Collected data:
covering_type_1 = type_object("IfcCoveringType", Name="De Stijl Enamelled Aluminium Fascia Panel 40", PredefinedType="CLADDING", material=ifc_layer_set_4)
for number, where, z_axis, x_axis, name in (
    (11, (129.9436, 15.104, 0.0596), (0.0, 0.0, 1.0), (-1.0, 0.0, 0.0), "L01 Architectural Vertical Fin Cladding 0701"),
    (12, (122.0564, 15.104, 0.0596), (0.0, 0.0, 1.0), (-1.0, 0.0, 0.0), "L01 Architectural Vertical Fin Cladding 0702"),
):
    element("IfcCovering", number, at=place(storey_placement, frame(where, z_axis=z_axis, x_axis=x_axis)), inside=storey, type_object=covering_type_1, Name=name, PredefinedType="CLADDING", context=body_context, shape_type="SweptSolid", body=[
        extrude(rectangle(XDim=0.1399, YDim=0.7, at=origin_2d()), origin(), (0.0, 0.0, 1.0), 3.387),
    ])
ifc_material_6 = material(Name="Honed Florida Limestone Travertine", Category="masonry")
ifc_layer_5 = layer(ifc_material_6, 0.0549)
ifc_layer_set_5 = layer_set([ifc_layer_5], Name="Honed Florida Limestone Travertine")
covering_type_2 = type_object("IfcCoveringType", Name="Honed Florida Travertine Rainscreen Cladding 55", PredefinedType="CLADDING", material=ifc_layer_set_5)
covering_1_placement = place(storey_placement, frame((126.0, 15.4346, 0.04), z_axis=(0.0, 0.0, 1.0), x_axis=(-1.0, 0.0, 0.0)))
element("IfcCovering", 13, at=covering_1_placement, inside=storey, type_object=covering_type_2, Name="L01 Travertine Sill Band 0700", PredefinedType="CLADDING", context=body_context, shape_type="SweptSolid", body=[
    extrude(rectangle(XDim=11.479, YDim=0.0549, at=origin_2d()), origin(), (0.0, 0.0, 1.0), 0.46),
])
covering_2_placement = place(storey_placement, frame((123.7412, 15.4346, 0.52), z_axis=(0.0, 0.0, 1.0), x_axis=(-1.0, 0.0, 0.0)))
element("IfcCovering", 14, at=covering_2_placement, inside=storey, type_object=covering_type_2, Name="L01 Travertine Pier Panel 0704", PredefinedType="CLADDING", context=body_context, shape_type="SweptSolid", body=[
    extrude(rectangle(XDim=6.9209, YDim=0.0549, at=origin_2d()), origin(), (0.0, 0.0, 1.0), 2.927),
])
---
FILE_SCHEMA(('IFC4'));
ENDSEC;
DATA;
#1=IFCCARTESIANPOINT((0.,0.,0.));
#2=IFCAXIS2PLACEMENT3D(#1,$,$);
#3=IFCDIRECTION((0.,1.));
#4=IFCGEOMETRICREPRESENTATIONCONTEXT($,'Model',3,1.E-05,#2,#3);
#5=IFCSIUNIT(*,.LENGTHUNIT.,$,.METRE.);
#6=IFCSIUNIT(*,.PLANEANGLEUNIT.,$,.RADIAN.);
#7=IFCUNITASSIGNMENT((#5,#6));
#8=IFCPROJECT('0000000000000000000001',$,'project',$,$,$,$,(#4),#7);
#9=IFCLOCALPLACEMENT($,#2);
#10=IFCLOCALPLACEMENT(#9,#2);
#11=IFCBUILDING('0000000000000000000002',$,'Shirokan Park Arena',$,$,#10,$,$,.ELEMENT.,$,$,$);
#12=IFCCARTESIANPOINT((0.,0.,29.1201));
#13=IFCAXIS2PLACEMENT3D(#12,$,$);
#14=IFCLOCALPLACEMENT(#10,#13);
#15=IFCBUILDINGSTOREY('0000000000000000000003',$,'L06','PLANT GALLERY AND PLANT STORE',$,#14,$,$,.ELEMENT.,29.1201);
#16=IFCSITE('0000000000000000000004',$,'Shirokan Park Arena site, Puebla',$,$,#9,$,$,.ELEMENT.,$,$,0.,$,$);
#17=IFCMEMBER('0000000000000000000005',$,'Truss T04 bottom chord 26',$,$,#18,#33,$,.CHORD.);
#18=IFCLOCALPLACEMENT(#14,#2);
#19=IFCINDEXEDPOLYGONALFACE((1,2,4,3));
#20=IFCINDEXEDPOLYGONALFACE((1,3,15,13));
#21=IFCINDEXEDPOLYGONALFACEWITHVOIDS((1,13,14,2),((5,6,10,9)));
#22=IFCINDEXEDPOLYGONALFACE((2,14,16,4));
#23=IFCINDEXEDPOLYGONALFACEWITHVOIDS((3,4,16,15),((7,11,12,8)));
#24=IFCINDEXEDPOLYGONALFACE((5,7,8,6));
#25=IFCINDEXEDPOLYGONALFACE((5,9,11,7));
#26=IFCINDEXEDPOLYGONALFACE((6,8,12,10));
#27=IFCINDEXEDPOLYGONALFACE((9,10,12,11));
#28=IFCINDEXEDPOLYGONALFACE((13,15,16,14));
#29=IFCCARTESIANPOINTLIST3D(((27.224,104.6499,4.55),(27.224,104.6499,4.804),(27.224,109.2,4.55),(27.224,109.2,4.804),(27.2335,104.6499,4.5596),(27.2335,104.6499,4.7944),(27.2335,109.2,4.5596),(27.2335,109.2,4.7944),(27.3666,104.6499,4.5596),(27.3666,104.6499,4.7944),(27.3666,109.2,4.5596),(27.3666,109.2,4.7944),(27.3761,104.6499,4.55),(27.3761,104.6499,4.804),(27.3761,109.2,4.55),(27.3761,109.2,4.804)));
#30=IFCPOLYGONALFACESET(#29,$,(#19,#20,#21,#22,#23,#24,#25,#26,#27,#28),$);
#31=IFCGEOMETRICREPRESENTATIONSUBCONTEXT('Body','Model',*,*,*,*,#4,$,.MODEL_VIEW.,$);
--
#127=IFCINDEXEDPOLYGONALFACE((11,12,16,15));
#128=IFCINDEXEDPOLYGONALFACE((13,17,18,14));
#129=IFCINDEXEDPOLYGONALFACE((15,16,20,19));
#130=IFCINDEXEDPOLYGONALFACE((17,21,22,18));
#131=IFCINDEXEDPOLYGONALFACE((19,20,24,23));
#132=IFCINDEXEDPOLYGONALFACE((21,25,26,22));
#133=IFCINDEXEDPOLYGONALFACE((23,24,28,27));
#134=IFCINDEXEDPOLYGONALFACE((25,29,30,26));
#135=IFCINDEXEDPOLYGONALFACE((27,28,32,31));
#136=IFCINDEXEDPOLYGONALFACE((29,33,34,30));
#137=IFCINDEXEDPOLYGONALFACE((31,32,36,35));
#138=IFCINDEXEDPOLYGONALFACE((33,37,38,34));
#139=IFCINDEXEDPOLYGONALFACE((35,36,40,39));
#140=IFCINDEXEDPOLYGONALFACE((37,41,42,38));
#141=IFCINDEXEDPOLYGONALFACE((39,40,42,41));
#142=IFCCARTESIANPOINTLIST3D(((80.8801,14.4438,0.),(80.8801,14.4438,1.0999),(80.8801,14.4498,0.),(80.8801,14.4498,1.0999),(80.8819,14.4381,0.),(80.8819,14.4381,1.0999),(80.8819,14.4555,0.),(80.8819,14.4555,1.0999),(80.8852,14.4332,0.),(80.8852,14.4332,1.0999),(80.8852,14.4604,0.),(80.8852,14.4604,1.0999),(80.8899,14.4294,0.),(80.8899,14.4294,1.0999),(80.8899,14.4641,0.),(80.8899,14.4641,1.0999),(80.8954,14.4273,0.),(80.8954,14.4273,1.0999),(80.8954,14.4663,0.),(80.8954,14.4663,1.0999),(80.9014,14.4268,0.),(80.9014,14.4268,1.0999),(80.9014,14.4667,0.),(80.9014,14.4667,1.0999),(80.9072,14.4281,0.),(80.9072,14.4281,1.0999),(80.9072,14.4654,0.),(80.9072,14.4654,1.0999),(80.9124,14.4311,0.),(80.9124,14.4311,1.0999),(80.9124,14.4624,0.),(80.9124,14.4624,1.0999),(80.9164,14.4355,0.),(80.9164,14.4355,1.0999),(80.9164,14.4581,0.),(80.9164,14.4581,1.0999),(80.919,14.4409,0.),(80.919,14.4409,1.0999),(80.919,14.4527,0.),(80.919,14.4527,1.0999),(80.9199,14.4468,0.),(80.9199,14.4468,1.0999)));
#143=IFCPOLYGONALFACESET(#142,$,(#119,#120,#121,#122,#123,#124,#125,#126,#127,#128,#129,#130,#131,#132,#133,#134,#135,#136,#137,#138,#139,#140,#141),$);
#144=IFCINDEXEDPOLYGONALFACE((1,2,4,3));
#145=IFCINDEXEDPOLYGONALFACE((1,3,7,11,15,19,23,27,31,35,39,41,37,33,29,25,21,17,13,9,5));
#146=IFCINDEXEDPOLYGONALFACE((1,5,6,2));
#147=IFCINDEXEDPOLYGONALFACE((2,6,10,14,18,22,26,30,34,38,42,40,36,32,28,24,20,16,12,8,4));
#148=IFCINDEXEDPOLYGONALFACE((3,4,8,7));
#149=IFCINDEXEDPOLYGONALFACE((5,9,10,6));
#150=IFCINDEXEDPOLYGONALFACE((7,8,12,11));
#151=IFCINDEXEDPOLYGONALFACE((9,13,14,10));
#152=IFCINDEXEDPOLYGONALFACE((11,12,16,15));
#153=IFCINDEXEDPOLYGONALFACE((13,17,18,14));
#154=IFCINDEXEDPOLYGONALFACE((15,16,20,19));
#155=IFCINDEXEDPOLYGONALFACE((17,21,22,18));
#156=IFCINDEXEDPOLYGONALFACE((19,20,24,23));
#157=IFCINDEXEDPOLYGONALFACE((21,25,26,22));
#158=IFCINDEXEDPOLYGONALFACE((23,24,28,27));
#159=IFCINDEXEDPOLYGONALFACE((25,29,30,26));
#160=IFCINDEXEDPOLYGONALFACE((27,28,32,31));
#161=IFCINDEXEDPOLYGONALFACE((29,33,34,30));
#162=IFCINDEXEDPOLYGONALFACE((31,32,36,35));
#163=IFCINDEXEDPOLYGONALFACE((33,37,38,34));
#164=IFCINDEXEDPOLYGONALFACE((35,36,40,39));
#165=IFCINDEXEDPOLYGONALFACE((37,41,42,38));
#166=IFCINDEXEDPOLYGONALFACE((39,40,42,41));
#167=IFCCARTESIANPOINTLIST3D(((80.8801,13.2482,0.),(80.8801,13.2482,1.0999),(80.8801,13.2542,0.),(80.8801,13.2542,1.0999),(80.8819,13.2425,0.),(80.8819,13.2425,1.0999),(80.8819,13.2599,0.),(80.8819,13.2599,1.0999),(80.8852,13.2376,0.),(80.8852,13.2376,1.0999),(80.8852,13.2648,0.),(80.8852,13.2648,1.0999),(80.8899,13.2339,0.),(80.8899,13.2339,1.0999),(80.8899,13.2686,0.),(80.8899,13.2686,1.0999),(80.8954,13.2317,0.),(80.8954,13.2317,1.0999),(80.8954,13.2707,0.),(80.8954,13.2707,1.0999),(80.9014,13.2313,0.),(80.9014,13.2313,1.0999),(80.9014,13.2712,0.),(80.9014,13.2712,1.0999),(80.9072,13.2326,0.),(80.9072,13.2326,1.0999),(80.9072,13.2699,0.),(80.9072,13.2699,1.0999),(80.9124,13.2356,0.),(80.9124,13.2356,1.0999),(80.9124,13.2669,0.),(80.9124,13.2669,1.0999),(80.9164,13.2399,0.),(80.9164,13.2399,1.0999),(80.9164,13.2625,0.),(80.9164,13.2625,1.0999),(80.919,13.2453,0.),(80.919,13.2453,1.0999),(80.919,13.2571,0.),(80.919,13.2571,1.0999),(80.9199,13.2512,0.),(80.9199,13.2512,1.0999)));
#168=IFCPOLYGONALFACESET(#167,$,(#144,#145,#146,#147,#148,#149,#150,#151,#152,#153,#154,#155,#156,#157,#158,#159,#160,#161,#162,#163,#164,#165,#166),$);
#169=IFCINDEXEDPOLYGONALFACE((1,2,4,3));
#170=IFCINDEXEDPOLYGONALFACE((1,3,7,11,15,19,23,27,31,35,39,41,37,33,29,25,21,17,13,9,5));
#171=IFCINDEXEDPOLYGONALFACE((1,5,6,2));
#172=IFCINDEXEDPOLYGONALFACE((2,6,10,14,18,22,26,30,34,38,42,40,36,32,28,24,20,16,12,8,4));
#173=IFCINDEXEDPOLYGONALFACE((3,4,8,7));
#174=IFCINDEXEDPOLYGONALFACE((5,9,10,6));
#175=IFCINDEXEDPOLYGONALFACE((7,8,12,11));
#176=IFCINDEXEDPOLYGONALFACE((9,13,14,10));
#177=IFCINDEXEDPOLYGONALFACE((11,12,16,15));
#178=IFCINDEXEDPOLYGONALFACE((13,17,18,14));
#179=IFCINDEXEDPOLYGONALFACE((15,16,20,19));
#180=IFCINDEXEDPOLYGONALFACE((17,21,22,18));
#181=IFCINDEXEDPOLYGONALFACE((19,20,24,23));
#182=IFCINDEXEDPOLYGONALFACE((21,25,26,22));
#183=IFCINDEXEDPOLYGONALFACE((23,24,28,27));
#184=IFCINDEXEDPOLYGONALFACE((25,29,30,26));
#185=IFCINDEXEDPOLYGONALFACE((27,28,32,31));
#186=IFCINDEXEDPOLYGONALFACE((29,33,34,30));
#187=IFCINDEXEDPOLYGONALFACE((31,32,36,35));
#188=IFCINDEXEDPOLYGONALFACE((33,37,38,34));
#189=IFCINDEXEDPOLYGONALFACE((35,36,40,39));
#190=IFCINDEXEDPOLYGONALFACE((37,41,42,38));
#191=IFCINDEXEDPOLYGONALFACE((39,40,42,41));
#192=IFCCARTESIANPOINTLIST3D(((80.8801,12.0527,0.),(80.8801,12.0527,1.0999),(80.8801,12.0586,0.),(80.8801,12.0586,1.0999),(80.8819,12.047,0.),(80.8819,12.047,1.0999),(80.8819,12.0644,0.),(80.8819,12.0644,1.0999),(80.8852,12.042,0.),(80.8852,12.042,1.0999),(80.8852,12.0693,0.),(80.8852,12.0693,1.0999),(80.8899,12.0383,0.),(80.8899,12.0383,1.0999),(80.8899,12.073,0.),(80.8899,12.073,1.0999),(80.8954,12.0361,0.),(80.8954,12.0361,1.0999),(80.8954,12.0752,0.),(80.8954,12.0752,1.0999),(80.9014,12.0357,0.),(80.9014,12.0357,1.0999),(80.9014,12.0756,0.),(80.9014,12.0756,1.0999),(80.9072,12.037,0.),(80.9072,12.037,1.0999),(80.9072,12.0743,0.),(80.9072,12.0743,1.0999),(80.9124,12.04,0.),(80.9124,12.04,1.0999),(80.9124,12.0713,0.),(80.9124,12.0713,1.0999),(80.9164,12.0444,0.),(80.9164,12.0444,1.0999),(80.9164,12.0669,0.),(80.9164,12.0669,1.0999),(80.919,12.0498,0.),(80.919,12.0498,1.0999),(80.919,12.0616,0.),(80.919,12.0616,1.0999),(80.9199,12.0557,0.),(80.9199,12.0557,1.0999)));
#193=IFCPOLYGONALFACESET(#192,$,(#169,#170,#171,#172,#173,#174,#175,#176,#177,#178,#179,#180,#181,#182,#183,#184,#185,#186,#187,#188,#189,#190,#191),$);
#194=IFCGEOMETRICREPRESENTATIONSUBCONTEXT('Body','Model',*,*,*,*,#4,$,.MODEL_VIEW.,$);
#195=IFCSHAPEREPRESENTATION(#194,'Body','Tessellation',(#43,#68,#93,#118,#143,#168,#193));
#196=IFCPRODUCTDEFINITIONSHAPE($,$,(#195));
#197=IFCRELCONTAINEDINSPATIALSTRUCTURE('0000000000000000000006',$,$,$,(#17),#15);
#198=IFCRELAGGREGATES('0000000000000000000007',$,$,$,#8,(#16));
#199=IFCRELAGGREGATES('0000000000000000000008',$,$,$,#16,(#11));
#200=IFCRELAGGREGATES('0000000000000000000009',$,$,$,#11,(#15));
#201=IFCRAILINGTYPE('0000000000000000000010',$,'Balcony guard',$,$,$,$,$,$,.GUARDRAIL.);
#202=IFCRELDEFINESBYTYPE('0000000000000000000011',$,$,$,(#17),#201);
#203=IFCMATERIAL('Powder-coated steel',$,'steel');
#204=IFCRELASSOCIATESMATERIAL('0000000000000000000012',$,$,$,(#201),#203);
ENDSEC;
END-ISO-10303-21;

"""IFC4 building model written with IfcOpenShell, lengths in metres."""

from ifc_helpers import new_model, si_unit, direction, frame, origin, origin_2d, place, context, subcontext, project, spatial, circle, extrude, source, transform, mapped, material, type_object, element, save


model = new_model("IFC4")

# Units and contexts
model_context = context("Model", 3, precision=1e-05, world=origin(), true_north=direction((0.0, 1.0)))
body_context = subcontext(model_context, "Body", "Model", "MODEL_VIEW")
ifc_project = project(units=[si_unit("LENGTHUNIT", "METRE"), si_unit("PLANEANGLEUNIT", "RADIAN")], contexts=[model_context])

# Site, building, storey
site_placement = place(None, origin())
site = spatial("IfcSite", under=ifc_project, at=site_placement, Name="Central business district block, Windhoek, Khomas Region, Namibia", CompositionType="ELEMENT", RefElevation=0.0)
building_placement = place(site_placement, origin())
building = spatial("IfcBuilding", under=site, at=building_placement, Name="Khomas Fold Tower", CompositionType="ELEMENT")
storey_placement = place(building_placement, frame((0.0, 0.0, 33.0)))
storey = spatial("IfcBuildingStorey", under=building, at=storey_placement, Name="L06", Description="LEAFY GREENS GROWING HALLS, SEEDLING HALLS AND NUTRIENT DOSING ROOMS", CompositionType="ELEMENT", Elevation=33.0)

What needs to be done:
Go through the entries above and copy each line holding the string "Travertine".

Response area:
ifc_material_6 = material(Name="Honed Florida Limestone Travertine", Category="masonry")
ifc_layer_set_5 = layer_set([ifc_layer_5], Name="Honed Florida Limestone Travertine")
covering_type_2 = type_object("IfcCoveringType", Name="Honed Florida Travertine Rainscreen Cladding 55", PredefinedType="CLADDING", material=ifc_layer_set_5)
element("IfcCovering", 13, at=covering_1_placement, inside=storey, type_object=covering_type_2, Name="L01 Travertine Sill Band 0700", PredefinedType="CLADDING", context=body_context, shape_type="SweptSolid", body=[
element("IfcCovering", 14, at=covering_2_placement, inside=storey, type_object=covering_type_2, Name="L01 Travertine Pier Panel 0704", PredefinedType="CLADDING", context=body_context, shape_type="SweptSolid", body=[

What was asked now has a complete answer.